__ACTIVITY__
Copy verbatim the block of lines in the entries below whose first line contains "#1=IFCCARTESIANPOINT((0.,0.,0.));" and whose last line contains "#14=IFCLOCALPLACEMENT(#10,#13);". Leave out all other lines.

------------

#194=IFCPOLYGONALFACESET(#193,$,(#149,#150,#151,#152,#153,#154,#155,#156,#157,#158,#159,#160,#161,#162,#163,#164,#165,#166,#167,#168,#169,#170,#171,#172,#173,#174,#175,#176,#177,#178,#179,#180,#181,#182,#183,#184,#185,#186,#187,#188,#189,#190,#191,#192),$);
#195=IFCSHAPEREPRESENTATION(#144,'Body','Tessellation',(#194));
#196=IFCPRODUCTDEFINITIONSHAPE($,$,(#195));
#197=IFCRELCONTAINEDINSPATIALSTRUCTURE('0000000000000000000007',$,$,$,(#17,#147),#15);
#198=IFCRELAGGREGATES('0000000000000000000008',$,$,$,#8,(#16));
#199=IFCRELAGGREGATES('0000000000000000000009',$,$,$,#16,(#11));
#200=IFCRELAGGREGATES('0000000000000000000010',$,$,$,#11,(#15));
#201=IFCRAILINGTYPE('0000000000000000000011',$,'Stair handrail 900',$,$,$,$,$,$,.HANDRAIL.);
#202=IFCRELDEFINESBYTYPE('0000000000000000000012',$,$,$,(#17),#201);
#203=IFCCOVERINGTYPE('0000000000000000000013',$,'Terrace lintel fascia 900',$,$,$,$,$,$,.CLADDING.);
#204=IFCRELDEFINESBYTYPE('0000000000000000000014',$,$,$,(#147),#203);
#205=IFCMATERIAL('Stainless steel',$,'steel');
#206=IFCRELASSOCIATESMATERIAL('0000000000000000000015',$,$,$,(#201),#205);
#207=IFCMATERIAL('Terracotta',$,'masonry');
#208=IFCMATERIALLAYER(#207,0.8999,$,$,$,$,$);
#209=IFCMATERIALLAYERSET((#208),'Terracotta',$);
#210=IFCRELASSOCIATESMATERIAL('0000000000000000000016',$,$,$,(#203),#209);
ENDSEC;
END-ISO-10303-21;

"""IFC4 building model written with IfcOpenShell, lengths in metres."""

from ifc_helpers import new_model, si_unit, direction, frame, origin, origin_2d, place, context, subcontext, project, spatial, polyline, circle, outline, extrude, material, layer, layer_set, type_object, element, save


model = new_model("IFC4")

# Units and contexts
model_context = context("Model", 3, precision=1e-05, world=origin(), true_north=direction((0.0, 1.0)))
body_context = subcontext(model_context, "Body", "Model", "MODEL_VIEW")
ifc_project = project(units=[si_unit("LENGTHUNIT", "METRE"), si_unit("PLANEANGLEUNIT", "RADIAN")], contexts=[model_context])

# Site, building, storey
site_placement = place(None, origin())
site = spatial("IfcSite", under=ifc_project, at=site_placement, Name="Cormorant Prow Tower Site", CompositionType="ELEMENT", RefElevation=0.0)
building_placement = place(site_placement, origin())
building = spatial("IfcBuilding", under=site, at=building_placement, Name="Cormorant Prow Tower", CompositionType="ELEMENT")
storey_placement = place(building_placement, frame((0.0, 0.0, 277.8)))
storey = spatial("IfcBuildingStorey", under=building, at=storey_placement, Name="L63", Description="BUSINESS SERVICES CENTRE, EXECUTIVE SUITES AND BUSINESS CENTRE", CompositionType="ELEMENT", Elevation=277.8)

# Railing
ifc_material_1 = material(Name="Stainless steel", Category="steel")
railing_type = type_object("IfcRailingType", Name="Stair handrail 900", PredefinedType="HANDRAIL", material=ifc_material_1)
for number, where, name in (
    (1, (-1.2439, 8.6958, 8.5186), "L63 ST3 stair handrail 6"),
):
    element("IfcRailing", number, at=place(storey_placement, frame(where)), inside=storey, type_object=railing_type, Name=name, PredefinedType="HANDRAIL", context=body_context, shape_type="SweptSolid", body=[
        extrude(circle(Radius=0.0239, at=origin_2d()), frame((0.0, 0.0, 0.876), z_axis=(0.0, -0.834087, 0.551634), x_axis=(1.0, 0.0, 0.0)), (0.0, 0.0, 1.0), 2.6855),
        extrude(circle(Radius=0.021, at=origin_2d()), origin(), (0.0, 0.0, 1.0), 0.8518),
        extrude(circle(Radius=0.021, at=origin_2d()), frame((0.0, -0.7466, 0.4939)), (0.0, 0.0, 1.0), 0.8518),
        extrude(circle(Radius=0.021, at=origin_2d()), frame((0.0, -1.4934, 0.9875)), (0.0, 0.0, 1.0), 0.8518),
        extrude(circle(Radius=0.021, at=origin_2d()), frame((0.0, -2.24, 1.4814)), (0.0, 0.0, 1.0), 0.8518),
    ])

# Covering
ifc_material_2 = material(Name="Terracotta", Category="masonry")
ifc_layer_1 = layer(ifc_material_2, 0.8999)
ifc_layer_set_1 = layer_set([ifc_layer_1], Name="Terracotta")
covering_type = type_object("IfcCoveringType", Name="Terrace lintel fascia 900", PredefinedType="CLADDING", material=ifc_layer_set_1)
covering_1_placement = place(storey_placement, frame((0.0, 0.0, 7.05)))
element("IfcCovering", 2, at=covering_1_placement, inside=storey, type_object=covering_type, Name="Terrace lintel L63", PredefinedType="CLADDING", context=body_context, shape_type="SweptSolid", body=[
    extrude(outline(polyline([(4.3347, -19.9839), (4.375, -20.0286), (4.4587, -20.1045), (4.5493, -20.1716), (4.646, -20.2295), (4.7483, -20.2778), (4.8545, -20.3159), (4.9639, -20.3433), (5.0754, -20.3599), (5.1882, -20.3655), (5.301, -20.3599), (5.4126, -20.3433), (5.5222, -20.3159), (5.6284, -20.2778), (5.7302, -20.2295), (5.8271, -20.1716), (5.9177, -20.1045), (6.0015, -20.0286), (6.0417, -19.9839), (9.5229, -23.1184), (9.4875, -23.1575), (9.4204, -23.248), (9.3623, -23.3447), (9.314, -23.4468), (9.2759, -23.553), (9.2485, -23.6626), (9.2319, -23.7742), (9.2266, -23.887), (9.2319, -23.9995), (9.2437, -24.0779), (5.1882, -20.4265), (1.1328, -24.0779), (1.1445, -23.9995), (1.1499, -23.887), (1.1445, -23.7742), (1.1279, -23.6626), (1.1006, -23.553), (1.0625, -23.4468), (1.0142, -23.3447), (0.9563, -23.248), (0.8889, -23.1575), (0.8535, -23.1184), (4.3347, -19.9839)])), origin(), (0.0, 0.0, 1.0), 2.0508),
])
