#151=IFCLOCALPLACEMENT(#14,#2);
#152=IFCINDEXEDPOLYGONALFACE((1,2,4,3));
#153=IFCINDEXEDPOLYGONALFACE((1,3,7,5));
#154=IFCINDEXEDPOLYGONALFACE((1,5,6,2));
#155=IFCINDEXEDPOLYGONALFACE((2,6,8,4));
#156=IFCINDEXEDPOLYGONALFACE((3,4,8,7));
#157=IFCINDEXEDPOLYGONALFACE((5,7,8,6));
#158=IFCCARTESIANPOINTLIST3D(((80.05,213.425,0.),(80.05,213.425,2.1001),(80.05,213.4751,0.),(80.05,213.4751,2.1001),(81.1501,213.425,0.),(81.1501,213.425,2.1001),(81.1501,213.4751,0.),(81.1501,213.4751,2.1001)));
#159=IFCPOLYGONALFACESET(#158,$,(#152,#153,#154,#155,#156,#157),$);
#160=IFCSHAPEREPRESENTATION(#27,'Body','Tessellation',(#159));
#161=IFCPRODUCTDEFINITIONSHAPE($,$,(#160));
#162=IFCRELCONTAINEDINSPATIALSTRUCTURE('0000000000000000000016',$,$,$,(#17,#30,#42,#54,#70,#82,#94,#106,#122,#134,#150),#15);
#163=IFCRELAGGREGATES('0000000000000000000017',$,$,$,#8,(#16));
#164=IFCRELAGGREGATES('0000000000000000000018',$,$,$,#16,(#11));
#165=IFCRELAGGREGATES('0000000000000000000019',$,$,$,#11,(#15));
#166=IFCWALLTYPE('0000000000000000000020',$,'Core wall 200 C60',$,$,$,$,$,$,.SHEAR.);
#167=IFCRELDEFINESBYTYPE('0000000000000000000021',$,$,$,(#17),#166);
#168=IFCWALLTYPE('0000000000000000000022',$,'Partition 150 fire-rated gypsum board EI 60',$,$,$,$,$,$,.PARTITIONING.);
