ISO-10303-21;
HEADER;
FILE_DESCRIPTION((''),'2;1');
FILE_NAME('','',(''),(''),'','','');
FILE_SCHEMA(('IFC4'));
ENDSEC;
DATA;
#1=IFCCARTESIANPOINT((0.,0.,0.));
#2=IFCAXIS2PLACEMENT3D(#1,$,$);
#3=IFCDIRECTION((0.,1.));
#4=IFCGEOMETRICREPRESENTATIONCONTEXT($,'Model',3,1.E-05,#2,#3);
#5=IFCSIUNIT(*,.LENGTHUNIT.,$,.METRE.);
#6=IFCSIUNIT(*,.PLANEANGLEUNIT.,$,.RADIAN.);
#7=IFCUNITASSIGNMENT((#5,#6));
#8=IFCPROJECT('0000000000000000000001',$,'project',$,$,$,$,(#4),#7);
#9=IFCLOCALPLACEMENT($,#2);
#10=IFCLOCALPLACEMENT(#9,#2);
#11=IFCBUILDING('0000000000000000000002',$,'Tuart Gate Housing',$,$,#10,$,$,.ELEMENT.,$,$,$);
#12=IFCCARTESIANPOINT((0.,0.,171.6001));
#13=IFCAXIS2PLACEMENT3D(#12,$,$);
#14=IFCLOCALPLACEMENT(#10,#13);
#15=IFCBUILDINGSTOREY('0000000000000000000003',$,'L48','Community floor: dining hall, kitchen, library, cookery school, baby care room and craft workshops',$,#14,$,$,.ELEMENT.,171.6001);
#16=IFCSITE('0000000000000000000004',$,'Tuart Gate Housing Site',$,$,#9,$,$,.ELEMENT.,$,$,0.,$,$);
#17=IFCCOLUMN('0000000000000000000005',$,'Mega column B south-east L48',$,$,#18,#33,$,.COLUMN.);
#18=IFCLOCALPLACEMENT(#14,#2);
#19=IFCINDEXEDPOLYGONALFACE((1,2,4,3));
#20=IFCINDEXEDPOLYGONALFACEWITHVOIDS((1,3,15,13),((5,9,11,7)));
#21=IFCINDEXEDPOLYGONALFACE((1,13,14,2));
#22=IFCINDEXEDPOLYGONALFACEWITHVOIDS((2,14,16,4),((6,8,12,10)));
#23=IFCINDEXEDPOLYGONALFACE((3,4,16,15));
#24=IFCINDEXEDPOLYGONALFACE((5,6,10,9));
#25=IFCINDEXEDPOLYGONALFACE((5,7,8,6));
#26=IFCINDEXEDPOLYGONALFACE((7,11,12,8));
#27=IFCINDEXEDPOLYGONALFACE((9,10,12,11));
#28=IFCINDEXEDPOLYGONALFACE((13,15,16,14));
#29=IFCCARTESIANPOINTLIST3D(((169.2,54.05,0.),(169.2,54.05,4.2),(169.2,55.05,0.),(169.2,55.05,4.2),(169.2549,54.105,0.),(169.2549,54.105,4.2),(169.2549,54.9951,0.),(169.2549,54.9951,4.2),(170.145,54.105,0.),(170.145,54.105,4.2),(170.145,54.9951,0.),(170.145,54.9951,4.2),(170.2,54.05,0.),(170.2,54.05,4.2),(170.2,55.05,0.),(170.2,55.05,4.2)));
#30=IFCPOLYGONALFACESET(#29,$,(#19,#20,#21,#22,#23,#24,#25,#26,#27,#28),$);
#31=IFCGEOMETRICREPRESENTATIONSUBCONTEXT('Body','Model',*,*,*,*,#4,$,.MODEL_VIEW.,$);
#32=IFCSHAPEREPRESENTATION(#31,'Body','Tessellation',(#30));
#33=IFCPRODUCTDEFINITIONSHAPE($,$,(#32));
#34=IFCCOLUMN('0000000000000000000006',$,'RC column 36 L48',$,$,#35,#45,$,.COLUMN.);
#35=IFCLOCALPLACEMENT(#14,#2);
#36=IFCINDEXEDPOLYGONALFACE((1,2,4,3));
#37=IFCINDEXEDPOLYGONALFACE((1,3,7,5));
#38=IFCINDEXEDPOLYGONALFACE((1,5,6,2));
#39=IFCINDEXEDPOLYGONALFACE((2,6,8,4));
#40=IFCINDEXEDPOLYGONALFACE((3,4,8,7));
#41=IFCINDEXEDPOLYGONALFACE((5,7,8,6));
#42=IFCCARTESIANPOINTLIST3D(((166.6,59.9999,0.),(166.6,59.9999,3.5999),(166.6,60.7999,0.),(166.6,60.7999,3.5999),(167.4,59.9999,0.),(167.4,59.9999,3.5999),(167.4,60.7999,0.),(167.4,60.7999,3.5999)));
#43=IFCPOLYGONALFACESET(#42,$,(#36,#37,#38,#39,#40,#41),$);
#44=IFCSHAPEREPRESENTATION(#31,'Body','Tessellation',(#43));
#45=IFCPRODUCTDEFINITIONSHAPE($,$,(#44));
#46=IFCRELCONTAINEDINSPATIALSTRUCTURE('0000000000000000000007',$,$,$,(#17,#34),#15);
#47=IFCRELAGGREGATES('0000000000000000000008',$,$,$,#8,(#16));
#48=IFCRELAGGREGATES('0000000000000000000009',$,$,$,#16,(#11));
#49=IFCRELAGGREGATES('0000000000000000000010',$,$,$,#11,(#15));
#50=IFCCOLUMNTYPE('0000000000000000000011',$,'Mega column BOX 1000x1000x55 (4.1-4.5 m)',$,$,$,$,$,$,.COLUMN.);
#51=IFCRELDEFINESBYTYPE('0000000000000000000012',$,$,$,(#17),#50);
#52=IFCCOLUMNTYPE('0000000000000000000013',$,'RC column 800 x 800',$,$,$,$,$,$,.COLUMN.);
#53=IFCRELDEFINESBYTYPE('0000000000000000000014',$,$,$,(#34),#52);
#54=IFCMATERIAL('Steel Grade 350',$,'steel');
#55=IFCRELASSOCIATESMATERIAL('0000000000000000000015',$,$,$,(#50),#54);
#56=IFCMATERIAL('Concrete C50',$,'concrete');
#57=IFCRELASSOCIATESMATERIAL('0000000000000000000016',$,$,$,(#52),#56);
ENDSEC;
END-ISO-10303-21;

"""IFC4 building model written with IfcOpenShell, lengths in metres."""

from ifc_helpers import new_model, si_unit, direction, frame, origin, origin_2d, place, context, subcontext, project, spatial, rectangle, hollow_rectangle, extrude, material, material_profile, profile_set, type_object, element, save


model = new_model("IFC4")

# Units and contexts
model_context = context("Model", 3, precision=1e-05, world=origin(), true_north=direction((0.0, 1.0)))
body_context = subcontext(model_context, "Body", "Model", "MODEL_VIEW")
ifc_project = project(units=[si_unit("LENGTHUNIT", "METRE"), si_unit("PLANEANGLEUNIT", "RADIAN")], contexts=[model_context])

# Site, building, storey
site_placement = place(None, origin())
site = spatial("IfcSite", under=ifc_project, at=site_placement, Name="Tuart Gate Housing Site", CompositionType="ELEMENT", RefElevation=0.0)
building_placement = place(site_placement, origin())
building = spatial("IfcBuilding", under=site, at=building_placement, Name="Tuart Gate Housing", CompositionType="ELEMENT")
storey_placement = place(building_placement, frame((0.0, 0.0, 171.6001)))
storey = spatial("IfcBuildingStorey", under=building, at=storey_placement, Name="L48", Description="Community floor: dining hall, kitchen, library, cookery school, baby care room and craft workshops", CompositionType="ELEMENT", Elevation=171.6001)

# Columns
ifc_material_1 = material(Name="Steel Grade 350", Category="steel")
ifc_material_profile_1 = material_profile(ifc_material_1, hollow_rectangle(XDim=1.0, YDim=1.0, WallThickness=0.0549, at=origin_2d()), Name="BOX 1000x1000x55")
ifc_profile_set_1 = profile_set([ifc_material_profile_1], Name="Steel Grade 350")
column_type_1 = type_object("IfcColumnType", Name="Mega column BOX 1000x1000x55 (4.1-4.5 m)", PredefinedType="COLUMN", material=ifc_profile_set_1)
column_1_placement = place(storey_placement, frame((169.7, 54.55, 0.0), z_axis=(0.0, 0.0, 1.0), x_axis=(1.0, 0.0, 0.0)))
element("IfcColumn", 1, at=column_1_placement, inside=storey, type_object=column_type_1, Name="Mega column B south-east L48", PredefinedType="COLUMN", context=body_context, shape_type="SweptSolid", body=[
    extrude(hollow_rectangle(XDim=1.0, YDim=1.0, WallThickness=0.0549, at=origin_2d()), origin(), (0.0, 0.0, 1.0), 4.2),
])
ifc_material_2 = material(Name="Concrete C50", Category="concrete")
ifc_material_profile_2 = material_profile(ifc_material_2, rectangle(XDim=0.8, YDim=0.8, at=origin_2d()), Name="RC column 800 x 800")
ifc_profile_set_2 = profile_set([ifc_material_profile_2], Name="Concrete C50")
column_type_2 = type_object("IfcColumnType", Name="RC column 800 x 800", PredefinedType="COLUMN", material=ifc_profile_set_2)
column_2_placement = place(storey_placement, frame((167.0, 60.3999, 0.0), z_axis=(0.0, 0.0, 1.0), x_axis=(1.0, 0.0, 0.0)))
element("IfcColumn", 2, at=column_2_placement, inside=storey, type_object=column_type_2, Name="RC column 36 L48", PredefinedType="COLUMN", context=body_context, shape_type="SweptSolid", body=[
    extrude(rectangle(XDim=0.8, YDim=0.8, at=origin_2d()), origin(), (0.0, 0.0, 1.0), 3.5999),
])

save(model, "model.ifc")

------------

__ANSWER SPACE__
#1=IFCCARTESIANPOINT((0.,0.,0.));
#2=IFCAXIS2PLACEMENT3D(#1,$,$);
#3=IFCDIRECTION((0.,1.));
#4=IFCGEOMETRICREPRESENTATIONCONTEXT($,'Model',3,1.E-05,#2,#3);
#5=IFCSIUNIT(*,.LENGTHUNIT.,$,.METRE.);
#6=IFCSIUNIT(*,.PLANEANGLEUNIT.,$,.RADIAN.);
#7=IFCUNITASSIGNMENT((#5,#6));
#8=IFCPROJECT('0000000000000000000001',$,'project',$,$,$,$,(#4),#7);
#9=IFCLOCALPLACEMENT($,#2);
#10=IFCLOCALPLACEMENT(#9,#2);
#11=IFCBUILDING('0000000000000000000002',$,'Tuart Gate Housing',$,$,#10,$,$,.ELEMENT.,$,$,$);
#12=IFCCARTESIANPOINT((0.,0.,171.6001));
#13=IFCAXIS2PLACEMENT3D(#12,$,$);
#14=IFCLOCALPLACEMENT(#10,#13);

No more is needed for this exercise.